Your goal:
Nothing is needed except the lines below that run from the one with "#43=IFCINDEXEDPOLYGONALFACE((5,7,8,6));" through the one with "#51=IFCINDEXEDPOLYGONALFACE((1,3,7,5));", repeated exactly.

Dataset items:

——

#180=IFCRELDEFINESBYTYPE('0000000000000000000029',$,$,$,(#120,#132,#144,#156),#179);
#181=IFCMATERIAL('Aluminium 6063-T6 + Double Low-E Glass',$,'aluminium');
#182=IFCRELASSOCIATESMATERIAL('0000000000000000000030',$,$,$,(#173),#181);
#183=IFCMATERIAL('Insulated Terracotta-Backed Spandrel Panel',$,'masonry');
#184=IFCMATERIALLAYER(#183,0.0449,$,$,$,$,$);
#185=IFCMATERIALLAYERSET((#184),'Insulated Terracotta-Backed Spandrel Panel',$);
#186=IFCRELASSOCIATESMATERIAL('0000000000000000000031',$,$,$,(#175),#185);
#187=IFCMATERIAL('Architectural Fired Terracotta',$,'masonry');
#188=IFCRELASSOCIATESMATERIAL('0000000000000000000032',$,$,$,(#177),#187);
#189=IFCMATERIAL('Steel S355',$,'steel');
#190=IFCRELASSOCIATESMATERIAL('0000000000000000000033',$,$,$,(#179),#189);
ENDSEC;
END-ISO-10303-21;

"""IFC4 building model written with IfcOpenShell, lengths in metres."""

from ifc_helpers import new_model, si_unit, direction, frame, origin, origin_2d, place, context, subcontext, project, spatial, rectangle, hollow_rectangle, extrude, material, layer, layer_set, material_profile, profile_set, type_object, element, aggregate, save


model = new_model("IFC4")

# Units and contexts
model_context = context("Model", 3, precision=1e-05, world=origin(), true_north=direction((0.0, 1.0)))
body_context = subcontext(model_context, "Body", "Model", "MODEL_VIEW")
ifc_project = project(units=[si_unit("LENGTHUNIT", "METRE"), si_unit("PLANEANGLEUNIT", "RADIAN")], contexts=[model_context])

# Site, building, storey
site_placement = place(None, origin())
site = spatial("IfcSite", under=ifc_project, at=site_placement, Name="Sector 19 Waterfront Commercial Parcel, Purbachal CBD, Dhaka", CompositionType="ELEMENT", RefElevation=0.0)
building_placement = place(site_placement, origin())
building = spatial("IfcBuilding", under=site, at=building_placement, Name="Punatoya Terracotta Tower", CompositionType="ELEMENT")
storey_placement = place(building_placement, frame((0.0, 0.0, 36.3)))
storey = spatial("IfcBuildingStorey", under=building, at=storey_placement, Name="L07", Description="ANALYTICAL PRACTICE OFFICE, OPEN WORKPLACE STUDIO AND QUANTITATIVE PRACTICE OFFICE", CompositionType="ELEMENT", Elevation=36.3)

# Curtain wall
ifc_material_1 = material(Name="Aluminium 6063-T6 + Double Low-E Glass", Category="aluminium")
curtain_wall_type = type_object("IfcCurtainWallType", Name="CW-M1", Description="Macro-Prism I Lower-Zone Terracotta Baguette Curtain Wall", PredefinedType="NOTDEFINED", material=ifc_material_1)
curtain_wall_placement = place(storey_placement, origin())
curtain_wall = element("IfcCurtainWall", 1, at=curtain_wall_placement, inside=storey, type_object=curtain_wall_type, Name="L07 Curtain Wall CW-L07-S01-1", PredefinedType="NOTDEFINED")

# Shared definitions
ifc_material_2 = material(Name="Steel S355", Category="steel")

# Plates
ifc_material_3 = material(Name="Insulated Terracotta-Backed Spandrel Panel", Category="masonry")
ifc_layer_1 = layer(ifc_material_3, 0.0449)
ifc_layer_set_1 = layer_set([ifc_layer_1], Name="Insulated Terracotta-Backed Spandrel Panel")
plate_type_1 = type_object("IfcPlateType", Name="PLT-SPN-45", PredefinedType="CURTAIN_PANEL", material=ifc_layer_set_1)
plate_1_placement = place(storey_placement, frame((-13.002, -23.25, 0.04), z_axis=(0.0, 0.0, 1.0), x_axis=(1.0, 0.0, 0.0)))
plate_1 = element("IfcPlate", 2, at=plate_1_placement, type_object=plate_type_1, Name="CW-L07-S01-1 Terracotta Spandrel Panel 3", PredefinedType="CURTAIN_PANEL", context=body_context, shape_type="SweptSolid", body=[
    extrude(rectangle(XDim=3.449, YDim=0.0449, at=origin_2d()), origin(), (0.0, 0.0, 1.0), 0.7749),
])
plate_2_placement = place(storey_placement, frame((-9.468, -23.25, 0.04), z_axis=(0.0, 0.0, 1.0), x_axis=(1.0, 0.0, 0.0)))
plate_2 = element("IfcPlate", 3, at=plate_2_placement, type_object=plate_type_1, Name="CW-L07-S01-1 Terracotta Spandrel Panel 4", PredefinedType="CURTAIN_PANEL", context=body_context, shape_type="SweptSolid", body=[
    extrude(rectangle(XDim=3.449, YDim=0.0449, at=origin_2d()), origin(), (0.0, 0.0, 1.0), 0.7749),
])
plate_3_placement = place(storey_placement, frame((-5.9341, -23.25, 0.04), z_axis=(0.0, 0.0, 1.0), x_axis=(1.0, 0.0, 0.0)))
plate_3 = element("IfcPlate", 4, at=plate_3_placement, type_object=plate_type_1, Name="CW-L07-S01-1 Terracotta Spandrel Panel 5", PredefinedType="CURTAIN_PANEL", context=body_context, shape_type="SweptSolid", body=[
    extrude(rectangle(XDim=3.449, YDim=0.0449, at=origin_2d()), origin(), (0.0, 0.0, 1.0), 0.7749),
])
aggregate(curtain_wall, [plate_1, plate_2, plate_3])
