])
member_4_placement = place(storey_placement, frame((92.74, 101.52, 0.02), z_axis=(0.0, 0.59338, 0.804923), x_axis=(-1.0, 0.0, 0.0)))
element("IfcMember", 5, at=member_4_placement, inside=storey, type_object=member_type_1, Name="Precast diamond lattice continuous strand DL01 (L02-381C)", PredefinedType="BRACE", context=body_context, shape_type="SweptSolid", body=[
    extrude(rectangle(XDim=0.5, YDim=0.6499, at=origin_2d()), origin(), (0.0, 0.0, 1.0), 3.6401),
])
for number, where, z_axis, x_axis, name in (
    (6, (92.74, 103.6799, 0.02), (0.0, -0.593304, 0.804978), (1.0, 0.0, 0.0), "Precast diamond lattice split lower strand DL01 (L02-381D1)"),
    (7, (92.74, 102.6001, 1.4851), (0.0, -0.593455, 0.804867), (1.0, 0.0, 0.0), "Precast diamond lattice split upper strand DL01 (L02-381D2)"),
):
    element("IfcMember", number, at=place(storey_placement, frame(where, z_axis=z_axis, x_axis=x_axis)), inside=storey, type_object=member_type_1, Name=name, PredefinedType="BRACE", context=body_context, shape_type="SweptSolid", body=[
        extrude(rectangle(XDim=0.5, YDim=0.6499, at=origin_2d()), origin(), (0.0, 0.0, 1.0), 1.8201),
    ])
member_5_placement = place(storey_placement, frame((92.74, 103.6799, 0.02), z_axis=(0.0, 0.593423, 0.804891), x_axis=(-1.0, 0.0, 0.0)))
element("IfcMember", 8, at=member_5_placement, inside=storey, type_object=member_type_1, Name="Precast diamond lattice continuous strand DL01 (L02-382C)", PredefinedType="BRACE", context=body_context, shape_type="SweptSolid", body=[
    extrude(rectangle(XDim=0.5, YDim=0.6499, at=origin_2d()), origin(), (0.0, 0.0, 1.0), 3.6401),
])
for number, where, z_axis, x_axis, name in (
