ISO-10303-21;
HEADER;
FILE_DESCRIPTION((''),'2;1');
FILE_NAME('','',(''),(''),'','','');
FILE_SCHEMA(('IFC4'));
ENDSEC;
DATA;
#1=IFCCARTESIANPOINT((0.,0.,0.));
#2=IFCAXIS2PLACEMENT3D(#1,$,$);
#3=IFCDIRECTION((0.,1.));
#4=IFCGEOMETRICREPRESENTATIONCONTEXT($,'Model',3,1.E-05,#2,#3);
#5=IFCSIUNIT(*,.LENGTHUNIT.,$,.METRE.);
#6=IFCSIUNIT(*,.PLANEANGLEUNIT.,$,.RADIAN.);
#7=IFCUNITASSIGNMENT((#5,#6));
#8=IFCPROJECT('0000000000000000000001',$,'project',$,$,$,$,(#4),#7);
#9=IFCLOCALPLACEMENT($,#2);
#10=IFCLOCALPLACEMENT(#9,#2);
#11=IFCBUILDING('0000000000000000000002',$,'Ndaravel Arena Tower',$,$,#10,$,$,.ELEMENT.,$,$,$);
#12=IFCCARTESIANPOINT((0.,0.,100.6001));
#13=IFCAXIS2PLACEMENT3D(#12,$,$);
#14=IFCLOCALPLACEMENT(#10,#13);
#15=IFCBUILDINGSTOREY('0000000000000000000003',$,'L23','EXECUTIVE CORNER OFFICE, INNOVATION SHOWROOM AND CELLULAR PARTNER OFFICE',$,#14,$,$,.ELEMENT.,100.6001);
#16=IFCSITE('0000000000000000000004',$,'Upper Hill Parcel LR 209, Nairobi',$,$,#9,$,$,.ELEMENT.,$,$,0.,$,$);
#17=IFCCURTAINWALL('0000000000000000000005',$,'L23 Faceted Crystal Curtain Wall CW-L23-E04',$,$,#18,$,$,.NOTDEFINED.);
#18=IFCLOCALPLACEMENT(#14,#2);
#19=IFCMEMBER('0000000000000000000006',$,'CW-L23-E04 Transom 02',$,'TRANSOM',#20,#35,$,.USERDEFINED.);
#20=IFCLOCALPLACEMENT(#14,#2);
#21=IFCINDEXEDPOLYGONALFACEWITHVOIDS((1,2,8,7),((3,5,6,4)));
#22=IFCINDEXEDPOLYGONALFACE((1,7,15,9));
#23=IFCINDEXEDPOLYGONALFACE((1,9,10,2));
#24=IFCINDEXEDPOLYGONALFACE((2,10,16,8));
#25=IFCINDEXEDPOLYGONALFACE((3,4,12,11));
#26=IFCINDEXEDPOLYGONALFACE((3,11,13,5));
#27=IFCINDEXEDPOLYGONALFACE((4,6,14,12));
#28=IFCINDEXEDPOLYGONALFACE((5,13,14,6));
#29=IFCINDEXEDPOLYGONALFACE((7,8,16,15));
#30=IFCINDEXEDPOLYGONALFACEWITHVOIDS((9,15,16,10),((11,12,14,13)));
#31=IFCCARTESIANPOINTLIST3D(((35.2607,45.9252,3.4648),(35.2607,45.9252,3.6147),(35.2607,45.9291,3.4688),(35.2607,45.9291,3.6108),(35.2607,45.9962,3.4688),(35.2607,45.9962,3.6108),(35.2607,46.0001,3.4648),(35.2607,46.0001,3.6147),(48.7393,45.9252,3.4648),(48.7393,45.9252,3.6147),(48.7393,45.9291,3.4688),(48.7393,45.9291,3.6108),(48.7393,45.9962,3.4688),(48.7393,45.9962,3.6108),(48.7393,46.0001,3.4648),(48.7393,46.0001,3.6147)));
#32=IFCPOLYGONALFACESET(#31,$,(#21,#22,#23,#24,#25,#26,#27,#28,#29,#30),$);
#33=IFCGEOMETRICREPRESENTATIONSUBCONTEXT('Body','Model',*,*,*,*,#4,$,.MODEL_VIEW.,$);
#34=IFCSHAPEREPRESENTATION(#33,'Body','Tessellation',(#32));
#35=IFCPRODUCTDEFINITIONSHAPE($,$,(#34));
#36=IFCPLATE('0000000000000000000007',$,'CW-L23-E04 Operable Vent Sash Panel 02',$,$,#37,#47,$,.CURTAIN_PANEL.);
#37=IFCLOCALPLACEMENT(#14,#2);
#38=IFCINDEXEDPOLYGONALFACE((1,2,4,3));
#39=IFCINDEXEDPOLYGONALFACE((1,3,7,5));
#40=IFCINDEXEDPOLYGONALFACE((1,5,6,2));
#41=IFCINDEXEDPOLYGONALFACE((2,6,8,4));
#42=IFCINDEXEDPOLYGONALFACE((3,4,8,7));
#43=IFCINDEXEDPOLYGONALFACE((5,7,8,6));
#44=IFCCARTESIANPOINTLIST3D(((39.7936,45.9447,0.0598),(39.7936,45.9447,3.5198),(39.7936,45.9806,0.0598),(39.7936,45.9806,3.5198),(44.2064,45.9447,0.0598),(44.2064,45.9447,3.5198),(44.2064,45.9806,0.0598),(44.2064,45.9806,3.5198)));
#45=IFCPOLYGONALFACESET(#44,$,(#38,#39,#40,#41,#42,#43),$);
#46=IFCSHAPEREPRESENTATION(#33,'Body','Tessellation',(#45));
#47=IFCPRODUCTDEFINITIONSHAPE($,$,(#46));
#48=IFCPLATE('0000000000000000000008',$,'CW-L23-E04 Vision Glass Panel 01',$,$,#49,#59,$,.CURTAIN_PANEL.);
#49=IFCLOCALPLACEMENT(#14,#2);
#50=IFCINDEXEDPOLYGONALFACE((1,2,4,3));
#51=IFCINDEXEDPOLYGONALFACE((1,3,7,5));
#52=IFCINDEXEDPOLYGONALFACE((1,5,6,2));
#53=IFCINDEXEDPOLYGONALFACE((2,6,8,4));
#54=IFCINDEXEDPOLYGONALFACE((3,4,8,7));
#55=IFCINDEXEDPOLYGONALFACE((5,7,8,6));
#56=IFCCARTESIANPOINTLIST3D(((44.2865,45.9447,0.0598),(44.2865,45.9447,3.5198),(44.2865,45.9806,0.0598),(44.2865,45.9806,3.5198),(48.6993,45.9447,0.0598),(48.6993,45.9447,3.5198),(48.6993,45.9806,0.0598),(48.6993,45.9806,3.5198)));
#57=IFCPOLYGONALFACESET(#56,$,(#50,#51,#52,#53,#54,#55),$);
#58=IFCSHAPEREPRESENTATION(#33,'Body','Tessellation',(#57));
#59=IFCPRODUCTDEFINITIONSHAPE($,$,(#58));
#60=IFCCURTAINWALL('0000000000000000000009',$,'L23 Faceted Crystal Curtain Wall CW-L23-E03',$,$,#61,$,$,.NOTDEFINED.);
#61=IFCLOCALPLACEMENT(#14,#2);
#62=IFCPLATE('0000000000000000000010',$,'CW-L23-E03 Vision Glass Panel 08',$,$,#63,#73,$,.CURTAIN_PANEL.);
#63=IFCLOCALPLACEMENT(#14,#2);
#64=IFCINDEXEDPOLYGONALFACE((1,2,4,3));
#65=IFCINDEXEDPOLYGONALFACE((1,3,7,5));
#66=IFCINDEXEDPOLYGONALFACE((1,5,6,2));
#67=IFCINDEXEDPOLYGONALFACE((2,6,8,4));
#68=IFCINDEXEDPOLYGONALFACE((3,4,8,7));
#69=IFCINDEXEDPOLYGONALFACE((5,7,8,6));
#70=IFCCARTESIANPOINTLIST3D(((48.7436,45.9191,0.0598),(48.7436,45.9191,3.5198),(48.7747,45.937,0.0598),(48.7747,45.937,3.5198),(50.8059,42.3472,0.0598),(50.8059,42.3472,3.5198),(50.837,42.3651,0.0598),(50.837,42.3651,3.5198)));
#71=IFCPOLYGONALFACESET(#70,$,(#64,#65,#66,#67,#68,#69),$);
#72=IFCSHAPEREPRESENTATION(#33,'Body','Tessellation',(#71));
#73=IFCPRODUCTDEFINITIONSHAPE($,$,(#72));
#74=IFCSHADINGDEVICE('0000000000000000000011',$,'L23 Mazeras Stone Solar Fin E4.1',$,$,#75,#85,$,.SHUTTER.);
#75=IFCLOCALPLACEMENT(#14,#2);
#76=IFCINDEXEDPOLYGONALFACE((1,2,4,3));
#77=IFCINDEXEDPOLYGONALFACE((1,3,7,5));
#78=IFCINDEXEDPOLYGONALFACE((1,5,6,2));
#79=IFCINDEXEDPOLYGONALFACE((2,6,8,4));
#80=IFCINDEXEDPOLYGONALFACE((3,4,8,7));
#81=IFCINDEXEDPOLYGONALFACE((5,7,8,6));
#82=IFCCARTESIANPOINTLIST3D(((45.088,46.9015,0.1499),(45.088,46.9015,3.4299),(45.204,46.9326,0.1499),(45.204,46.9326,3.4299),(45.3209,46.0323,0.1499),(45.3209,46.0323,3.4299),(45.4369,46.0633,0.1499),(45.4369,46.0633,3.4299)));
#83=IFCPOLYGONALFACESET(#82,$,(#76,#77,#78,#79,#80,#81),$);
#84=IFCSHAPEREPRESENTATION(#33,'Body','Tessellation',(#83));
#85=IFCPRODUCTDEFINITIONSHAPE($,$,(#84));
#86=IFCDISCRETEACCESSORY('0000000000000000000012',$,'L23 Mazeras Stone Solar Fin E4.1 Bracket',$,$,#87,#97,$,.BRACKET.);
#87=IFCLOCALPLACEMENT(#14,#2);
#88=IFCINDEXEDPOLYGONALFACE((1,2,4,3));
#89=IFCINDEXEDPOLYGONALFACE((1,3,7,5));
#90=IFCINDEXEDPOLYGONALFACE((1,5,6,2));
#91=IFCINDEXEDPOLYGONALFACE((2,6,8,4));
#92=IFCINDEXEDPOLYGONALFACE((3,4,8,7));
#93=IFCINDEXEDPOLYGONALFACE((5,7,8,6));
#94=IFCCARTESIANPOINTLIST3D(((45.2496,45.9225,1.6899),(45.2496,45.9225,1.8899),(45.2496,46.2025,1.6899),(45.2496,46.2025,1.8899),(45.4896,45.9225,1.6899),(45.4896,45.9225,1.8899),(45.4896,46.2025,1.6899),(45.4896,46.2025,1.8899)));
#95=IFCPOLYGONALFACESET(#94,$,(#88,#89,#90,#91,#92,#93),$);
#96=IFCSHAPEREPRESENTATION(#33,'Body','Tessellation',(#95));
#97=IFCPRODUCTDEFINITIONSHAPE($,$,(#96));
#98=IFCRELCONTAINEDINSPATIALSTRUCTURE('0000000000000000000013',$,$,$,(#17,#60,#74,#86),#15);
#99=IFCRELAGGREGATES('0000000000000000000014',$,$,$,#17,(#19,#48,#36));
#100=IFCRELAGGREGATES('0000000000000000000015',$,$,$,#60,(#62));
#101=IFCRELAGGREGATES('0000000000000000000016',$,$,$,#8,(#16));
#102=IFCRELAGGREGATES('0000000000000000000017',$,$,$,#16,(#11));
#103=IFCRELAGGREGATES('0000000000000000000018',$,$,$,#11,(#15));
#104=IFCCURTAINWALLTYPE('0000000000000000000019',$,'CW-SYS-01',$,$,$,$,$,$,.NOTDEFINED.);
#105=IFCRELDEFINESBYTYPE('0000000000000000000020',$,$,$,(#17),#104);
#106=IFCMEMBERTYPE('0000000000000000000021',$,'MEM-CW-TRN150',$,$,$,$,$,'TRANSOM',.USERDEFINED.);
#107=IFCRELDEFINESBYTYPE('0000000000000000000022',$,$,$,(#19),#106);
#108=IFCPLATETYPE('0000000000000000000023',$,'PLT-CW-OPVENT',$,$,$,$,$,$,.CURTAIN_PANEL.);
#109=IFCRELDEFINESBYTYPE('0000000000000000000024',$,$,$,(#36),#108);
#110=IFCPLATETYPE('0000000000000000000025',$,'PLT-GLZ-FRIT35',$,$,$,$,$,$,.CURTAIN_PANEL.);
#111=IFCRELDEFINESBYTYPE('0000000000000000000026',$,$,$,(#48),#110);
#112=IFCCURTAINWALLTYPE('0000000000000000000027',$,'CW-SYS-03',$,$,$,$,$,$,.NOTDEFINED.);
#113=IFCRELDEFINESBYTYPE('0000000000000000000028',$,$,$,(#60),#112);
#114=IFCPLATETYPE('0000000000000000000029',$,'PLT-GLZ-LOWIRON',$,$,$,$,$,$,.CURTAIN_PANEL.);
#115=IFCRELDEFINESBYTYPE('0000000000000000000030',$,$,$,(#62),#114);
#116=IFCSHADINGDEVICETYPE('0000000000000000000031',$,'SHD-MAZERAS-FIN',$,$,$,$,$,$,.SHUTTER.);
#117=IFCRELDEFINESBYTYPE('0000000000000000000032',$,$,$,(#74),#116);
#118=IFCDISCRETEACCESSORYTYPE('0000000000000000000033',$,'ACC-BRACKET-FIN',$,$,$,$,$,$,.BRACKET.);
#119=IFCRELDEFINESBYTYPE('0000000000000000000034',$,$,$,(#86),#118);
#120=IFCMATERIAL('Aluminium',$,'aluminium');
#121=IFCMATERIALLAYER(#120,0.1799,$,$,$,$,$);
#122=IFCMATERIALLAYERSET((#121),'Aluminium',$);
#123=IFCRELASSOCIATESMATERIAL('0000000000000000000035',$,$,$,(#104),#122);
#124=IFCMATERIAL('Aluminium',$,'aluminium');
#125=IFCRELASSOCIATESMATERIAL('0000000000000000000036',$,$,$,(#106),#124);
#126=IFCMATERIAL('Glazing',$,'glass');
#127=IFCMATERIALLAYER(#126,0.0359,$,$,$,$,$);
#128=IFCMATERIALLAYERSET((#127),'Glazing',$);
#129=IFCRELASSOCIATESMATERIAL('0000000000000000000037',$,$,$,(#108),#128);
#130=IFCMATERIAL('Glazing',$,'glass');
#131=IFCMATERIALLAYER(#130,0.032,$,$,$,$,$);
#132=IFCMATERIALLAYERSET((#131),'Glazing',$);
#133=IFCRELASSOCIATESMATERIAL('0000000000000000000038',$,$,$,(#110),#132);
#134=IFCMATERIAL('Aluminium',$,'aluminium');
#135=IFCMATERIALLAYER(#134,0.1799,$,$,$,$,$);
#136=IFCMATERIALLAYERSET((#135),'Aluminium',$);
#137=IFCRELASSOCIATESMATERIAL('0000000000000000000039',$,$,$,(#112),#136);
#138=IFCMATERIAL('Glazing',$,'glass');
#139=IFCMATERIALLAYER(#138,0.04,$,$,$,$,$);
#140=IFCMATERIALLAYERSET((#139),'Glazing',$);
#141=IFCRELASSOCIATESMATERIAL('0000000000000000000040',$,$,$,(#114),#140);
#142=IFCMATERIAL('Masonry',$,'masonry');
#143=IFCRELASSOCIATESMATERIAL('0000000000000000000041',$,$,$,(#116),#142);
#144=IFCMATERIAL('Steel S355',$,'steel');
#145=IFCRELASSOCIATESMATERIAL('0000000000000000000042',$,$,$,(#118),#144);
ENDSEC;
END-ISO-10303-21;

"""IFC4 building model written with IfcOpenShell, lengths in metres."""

from ifc_helpers import new_model, si_unit, direction, frame, origin, origin_2d, place, context, subcontext, project, spatial, rectangle, hollow_rectangle, extrude, material, layer, layer_set, material_profile, profile_set, type_object, element, aggregate, save


model = new_model("IFC4")

# Units and contexts
model_context = context("Model", 3, precision=1e-05, world=origin(), true_north=direction((0.0, 1.0)))
body_context = subcontext(model_context, "Body", "Model", "MODEL_VIEW")
ifc_project = project(units=[si_unit("LENGTHUNIT", "METRE"), si_unit("PLANEANGLEUNIT", "RADIAN")], contexts=[model_context])

# Site, building, storey
site_placement = place(None, origin())
site = spatial("IfcSite", under=ifc_project, at=site_placement, Name="Upper Hill Parcel LR 209, Nairobi", CompositionType="ELEMENT", RefElevation=0.0)
building_placement = place(site_placement, origin())
building = spatial("IfcBuilding", under=site, at=building_placement, Name="Ndaravel Arena Tower", CompositionType="ELEMENT")
storey_placement = place(building_placement, frame((0.0, 0.0, 100.6001)))
storey = spatial("IfcBuildingStorey", under=building, at=storey_placement, Name="L23", Description="EXECUTIVE CORNER OFFICE, INNOVATION SHOWROOM AND CELLULAR PARTNER OFFICE", CompositionType="ELEMENT", Elevation=100.6001)

# Curtain wall, member, plates
ifc_material_1 = material(Name="Aluminium", Category="aluminium")
ifc_layer_1 = layer(ifc_material_1, 0.1799)
ifc_layer_set_1 = layer_set([ifc_layer_1], Name="Aluminium")
curtain_wall_type_1 = type_object("IfcCurtainWallType", Name="CW-SYS-01", PredefinedType="NOTDEFINED", material=ifc_layer_set_1)
curtain_wall_1_placement = place(storey_placement, origin())
curtain_wall_1 = element("IfcCurtainWall", 1, at=curtain_wall_1_placement, inside=storey, type_object=curtain_wall_type_1, Name="L23 Faceted Crystal Curtain Wall CW-L23-E04", PredefinedType="NOTDEFINED")
ifc_material_2 = material(Name="Aluminium", Category="aluminium")
ifc_material_profile_1 = material_profile(ifc_material_2, hollow_rectangle(XDim=0.075, YDim=0.1499, WallThickness=0.0039, at=origin_2d()), Name="CW TRANSOM 75x150x4")
ifc_profile_set_1 = profile_set([ifc_material_profile_1], Name="Aluminium")
member_type_1 = type_object("IfcMemberType", Name="MEM-CW-TRN150", ElementType="TRANSOM", PredefinedType="USERDEFINED", material=ifc_profile_set_1)
member_1_placement = place(storey_placement, frame((48.7393, 45.9626, 3.5398), z_axis=(-1.0, 0.0, 0.0), x_axis=(0.0, -1.0, 0.0)))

——

Task answer:
#43=IFCINDEXEDPOLYGONALFACE((5,7,8,6));
#44=IFCCARTESIANPOINTLIST3D(((39.7936,45.9447,0.0598),(39.7936,45.9447,3.5198),(39.7936,45.9806,0.0598),(39.7936,45.9806,3.5198),(44.2064,45.9447,0.0598),(44.2064,45.9447,3.5198),(44.2064,45.9806,0.0598),(44.2064,45.9806,3.5198)));
#45=IFCPOLYGONALFACESET(#44,$,(#38,#39,#40,#41,#42,#43),$);
#46=IFCSHAPEREPRESENTATION(#33,'Body','Tessellation',(#45));
#47=IFCPRODUCTDEFINITIONSHAPE($,$,(#46));
#48=IFCPLATE('0000000000000000000008',$,'CW-L23-E04 Vision Glass Panel 01',$,$,#49,#59,$,.CURTAIN_PANEL.);
#49=IFCLOCALPLACEMENT(#14,#2);
#50=IFCINDEXEDPOLYGONALFACE((1,2,4,3));
#51=IFCINDEXEDPOLYGONALFACE((1,3,7,5));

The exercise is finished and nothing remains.